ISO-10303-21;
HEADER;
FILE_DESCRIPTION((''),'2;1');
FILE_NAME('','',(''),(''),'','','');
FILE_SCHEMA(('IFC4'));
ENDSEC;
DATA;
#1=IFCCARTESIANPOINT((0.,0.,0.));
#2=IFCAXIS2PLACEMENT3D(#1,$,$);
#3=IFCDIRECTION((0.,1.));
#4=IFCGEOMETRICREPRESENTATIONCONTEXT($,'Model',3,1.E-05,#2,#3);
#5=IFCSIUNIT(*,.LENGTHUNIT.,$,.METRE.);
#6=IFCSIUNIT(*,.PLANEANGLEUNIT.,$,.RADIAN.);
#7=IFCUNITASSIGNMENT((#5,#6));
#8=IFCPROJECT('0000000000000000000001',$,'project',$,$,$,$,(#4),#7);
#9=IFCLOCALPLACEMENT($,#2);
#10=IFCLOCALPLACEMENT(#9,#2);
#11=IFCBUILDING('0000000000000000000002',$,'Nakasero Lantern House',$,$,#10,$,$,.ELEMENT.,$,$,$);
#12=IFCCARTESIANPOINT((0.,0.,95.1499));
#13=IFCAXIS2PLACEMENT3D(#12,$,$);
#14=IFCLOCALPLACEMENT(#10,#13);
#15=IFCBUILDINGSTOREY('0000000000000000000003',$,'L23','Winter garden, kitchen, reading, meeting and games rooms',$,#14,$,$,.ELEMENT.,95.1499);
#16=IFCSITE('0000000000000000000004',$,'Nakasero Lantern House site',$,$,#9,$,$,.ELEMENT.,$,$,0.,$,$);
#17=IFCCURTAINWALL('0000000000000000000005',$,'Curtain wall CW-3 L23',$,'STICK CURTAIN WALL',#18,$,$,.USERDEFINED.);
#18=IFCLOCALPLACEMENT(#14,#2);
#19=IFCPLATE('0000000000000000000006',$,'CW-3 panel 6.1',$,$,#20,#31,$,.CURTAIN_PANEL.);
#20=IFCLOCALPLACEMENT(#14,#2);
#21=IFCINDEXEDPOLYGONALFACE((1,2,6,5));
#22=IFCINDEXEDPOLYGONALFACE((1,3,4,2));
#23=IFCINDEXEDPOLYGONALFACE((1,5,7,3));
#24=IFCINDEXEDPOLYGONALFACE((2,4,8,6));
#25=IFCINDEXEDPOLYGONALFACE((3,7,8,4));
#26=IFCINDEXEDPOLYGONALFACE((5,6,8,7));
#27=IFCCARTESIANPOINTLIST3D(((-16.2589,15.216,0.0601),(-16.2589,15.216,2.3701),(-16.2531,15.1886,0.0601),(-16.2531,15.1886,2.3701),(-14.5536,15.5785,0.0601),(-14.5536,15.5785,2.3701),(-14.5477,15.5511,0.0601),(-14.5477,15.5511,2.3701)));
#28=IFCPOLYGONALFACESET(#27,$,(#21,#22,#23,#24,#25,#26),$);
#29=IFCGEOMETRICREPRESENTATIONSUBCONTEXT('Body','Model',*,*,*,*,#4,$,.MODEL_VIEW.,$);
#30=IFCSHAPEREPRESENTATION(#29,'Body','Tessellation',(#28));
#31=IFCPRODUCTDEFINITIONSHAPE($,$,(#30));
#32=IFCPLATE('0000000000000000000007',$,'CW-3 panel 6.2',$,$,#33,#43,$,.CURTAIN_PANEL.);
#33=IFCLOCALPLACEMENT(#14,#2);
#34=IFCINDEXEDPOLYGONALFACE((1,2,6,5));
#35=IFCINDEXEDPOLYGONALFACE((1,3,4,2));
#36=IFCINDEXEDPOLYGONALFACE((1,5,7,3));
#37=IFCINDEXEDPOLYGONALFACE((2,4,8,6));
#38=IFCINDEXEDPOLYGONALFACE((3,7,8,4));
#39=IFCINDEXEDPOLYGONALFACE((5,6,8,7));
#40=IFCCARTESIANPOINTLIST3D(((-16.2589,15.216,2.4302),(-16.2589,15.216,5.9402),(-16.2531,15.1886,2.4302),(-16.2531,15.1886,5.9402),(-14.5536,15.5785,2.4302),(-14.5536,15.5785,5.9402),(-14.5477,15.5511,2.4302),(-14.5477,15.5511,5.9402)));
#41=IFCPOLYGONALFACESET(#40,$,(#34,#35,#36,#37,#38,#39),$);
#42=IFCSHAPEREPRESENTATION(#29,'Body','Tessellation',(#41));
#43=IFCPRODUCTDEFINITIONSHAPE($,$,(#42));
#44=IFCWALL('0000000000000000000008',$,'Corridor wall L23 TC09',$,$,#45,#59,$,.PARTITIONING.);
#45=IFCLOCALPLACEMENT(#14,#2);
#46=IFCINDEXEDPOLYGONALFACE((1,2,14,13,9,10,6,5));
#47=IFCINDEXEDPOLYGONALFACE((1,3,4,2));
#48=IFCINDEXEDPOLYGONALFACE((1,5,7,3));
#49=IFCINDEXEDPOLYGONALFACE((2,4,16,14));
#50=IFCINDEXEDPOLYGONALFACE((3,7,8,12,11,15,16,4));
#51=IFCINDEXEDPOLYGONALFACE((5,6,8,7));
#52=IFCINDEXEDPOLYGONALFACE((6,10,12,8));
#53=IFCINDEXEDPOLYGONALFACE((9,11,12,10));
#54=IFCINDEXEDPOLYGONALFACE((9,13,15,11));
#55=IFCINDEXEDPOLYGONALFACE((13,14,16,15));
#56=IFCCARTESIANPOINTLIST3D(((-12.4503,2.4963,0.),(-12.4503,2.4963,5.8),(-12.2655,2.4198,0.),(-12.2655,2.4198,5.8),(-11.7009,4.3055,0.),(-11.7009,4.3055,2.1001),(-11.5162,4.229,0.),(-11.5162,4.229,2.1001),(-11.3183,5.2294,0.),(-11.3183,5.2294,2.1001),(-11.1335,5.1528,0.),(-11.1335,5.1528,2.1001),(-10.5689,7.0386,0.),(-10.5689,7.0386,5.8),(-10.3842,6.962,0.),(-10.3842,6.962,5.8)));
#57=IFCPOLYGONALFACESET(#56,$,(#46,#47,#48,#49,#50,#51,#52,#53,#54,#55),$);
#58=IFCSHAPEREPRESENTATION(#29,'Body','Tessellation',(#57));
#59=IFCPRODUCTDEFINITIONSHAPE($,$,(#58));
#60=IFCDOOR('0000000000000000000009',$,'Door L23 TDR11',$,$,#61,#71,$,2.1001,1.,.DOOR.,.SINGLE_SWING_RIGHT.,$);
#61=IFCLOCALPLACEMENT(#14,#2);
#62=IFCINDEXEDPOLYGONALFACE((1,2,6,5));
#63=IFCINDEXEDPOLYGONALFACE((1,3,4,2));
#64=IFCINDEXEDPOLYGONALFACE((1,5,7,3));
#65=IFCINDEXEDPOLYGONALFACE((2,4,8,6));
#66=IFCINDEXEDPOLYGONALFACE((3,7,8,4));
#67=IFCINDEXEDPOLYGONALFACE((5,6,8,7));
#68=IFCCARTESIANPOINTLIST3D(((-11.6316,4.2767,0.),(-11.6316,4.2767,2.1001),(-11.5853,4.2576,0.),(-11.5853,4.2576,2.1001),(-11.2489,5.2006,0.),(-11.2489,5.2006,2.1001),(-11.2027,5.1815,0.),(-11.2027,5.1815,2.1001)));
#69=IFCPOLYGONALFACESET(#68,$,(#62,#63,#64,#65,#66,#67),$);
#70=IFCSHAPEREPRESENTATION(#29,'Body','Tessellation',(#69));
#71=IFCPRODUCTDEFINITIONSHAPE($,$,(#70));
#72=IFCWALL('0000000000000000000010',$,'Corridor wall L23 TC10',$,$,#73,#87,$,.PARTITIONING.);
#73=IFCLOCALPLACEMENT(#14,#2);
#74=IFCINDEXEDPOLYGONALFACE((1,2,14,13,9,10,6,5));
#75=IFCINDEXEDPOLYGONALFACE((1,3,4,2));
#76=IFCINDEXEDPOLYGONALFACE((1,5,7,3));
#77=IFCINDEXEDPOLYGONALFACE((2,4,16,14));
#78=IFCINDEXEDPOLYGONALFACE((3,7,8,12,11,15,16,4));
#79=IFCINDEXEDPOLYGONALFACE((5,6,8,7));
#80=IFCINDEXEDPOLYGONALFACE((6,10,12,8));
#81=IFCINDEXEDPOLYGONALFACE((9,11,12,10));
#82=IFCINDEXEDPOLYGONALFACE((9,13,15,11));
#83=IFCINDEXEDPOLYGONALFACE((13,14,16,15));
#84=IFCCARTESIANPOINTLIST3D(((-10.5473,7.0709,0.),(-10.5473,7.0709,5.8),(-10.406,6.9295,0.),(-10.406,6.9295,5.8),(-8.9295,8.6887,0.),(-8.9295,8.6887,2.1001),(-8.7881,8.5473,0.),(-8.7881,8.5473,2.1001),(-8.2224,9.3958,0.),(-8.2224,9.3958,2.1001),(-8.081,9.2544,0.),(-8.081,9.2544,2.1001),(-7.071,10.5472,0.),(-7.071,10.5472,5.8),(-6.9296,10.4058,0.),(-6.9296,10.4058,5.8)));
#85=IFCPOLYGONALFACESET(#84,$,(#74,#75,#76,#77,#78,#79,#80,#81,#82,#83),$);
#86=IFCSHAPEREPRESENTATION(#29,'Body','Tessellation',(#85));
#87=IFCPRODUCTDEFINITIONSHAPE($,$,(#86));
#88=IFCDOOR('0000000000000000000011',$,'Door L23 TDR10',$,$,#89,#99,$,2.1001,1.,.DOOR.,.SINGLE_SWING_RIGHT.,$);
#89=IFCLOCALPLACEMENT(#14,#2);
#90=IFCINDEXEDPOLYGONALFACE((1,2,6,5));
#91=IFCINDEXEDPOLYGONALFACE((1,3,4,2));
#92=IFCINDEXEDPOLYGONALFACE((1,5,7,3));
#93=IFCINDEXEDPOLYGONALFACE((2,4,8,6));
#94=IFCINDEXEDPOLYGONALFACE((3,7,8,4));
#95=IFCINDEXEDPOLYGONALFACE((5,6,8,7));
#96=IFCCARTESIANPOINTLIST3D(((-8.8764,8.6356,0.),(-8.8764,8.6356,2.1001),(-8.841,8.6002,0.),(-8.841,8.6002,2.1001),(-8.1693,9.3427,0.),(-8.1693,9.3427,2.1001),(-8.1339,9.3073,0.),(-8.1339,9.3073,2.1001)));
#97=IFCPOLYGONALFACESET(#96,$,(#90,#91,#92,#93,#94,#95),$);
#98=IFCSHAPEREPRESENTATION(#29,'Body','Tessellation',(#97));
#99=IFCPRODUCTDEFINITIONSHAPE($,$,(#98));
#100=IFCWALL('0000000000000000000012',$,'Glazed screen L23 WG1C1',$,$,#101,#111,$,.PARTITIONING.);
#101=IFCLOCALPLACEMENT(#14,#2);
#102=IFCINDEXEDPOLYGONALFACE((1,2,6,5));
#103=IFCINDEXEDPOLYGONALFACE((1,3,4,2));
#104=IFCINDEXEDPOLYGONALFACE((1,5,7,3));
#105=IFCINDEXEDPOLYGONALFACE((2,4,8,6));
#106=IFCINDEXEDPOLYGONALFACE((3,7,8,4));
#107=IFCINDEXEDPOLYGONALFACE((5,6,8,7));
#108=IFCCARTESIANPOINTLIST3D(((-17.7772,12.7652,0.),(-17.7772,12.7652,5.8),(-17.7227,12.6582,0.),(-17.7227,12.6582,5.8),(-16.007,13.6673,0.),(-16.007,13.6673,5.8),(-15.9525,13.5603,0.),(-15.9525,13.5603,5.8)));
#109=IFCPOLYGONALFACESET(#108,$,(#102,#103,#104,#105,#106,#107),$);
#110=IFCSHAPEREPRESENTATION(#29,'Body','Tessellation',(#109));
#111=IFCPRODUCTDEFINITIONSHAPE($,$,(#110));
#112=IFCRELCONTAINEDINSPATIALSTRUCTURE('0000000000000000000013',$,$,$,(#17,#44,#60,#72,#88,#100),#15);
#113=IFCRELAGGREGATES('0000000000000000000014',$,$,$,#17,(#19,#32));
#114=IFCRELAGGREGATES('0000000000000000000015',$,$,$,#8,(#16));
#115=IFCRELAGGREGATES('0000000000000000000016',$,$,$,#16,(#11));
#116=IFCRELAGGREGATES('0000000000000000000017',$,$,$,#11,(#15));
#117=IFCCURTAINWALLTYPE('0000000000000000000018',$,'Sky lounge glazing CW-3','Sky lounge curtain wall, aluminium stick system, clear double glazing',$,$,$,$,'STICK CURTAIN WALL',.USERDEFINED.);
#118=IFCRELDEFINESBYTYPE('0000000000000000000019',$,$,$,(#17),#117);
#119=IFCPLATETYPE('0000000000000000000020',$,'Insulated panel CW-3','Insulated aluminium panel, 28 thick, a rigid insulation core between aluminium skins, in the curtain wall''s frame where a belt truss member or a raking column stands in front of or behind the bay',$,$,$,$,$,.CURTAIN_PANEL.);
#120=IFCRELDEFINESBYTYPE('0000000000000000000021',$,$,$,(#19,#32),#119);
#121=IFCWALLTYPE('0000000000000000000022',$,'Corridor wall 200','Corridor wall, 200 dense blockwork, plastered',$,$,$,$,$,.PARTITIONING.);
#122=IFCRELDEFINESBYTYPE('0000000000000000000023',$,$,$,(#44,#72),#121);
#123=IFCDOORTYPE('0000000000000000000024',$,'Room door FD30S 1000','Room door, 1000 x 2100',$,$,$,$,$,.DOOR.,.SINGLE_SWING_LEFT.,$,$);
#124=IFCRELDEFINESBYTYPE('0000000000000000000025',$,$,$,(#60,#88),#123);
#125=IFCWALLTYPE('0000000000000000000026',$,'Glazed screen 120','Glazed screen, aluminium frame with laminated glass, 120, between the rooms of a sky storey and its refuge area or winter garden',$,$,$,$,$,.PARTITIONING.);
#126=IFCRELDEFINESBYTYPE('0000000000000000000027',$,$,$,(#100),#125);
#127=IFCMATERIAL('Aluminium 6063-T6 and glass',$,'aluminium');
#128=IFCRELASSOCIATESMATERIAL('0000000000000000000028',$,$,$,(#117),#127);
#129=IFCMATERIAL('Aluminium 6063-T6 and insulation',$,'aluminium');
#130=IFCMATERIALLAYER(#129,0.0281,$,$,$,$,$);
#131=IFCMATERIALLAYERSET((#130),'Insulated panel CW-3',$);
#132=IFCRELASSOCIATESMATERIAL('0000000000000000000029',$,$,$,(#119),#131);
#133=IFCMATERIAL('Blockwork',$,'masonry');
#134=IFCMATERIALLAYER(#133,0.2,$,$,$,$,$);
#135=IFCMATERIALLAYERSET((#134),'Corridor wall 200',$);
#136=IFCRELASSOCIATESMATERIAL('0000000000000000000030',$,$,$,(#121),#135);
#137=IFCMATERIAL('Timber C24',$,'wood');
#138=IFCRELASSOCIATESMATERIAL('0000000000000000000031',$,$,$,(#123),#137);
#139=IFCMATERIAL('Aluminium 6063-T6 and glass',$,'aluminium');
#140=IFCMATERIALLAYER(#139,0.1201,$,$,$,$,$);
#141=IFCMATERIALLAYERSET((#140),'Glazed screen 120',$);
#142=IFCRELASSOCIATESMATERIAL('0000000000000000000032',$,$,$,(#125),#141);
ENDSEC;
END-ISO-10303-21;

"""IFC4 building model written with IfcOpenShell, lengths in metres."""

from ifc_helpers import new_model, si_unit, direction, frame, frame_2d, origin, origin_2d, place, context, subcontext, project, spatial, rectangle, extrude, material, layer, layer_set, type_object, element, fill, aggregate, save


model = new_model("IFC4")

# Units and contexts
model_context = context("Model", 3, precision=1e-05, world=origin(), true_north=direction((0.0, 1.0)))
body_context = subcontext(model_context, "Body", "Model", "MODEL_VIEW")
ifc_project = project(units=[si_unit("LENGTHUNIT", "METRE"), si_unit("PLANEANGLEUNIT", "RADIAN")], contexts=[model_context])

# Site, building, storey
site_placement = place(None, origin())
site = spatial("IfcSite", under=ifc_project, at=site_placement, Name="Nakasero Lantern House site", CompositionType="ELEMENT", RefElevation=0.0)
building_placement = place(site_placement, origin())
building = spatial("IfcBuilding", under=site, at=building_placement, Name="Nakasero Lantern House", CompositionType="ELEMENT")
storey_placement = place(building_placement, frame((0.0, 0.0, 95.1499)))
storey = spatial("IfcBuildingStorey", under=building, at=storey_placement, Name="L23", Description="Winter garden, kitchen, reading, meeting and games rooms", CompositionType="ELEMENT", Elevation=95.1499)

# Curtain wall
ifc_material_1 = material(Name="Aluminium 6063-T6 and glass", Category="aluminium")
curtain_wall_type = type_object("IfcCurtainWallType", Name="Sky lounge glazing CW-3", Description="Sky lounge curtain wall, aluminium stick system, clear double glazing", ElementType="STICK CURTAIN WALL", PredefinedType="USERDEFINED", material=ifc_material_1)
curtain_wall_1_placement = place(storey_placement, origin())
curtain_wall_1 = element("IfcCurtainWall", 1, at=curtain_wall_1_placement, inside=storey, type_object=curtain_wall_type, Name="Curtain wall CW-3 L23", ObjectType="STICK CURTAIN WALL", PredefinedType="USERDEFINED")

------------------------

◆ PROBLEM TO SOLVE
The answer should consist solely of the lines from the first line above through the one with "#17=IFCCURTAINWALL('0000000000000000000005',$,'Curtain wall CW-3", both included, repeated exactly.

◆ OUTPUT BELOW
ISO-10303-21;
HEADER;
FILE_DESCRIPTION((''),'2;1');
FILE_NAME('','',(''),(''),'','','');
FILE_SCHEMA(('IFC4'));
ENDSEC;
DATA;
#1=IFCCARTESIANPOINT((0.,0.,0.));
#2=IFCAXIS2PLACEMENT3D(#1,$,$);
#3=IFCDIRECTION((0.,1.));
#4=IFCGEOMETRICREPRESENTATIONCONTEXT($,'Model',3,1.E-05,#2,#3);
#5=IFCSIUNIT(*,.LENGTHUNIT.,$,.METRE.);
#6=IFCSIUNIT(*,.PLANEANGLEUNIT.,$,.RADIAN.);
#7=IFCUNITASSIGNMENT((#5,#6));
#8=IFCPROJECT('0000000000000000000001',$,'project',$,$,$,$,(#4),#7);
#9=IFCLOCALPLACEMENT($,#2);
#10=IFCLOCALPLACEMENT(#9,#2);
#11=IFCBUILDING('0000000000000000000002',$,'Nakasero Lantern House',$,$,#10,$,$,.ELEMENT.,$,$,$);
#12=IFCCARTESIANPOINT((0.,0.,95.1499));
#13=IFCAXIS2PLACEMENT3D(#12,$,$);
#14=IFCLOCALPLACEMENT(#10,#13);
#15=IFCBUILDINGSTOREY('0000000000000000000003',$,'L23','Winter garden, kitchen, reading, meeting and games rooms',$,#14,$,$,.ELEMENT.,95.1499);
#16=IFCSITE('0000000000000000000004',$,'Nakasero Lantern House site',$,$,#9,$,$,.ELEMENT.,$,$,0.,$,$);
#17=IFCCURTAINWALL('0000000000000000000005',$,'Curtain wall CW-3 L23',$,'STICK CURTAIN WALL',#18,$,$,.USERDEFINED.);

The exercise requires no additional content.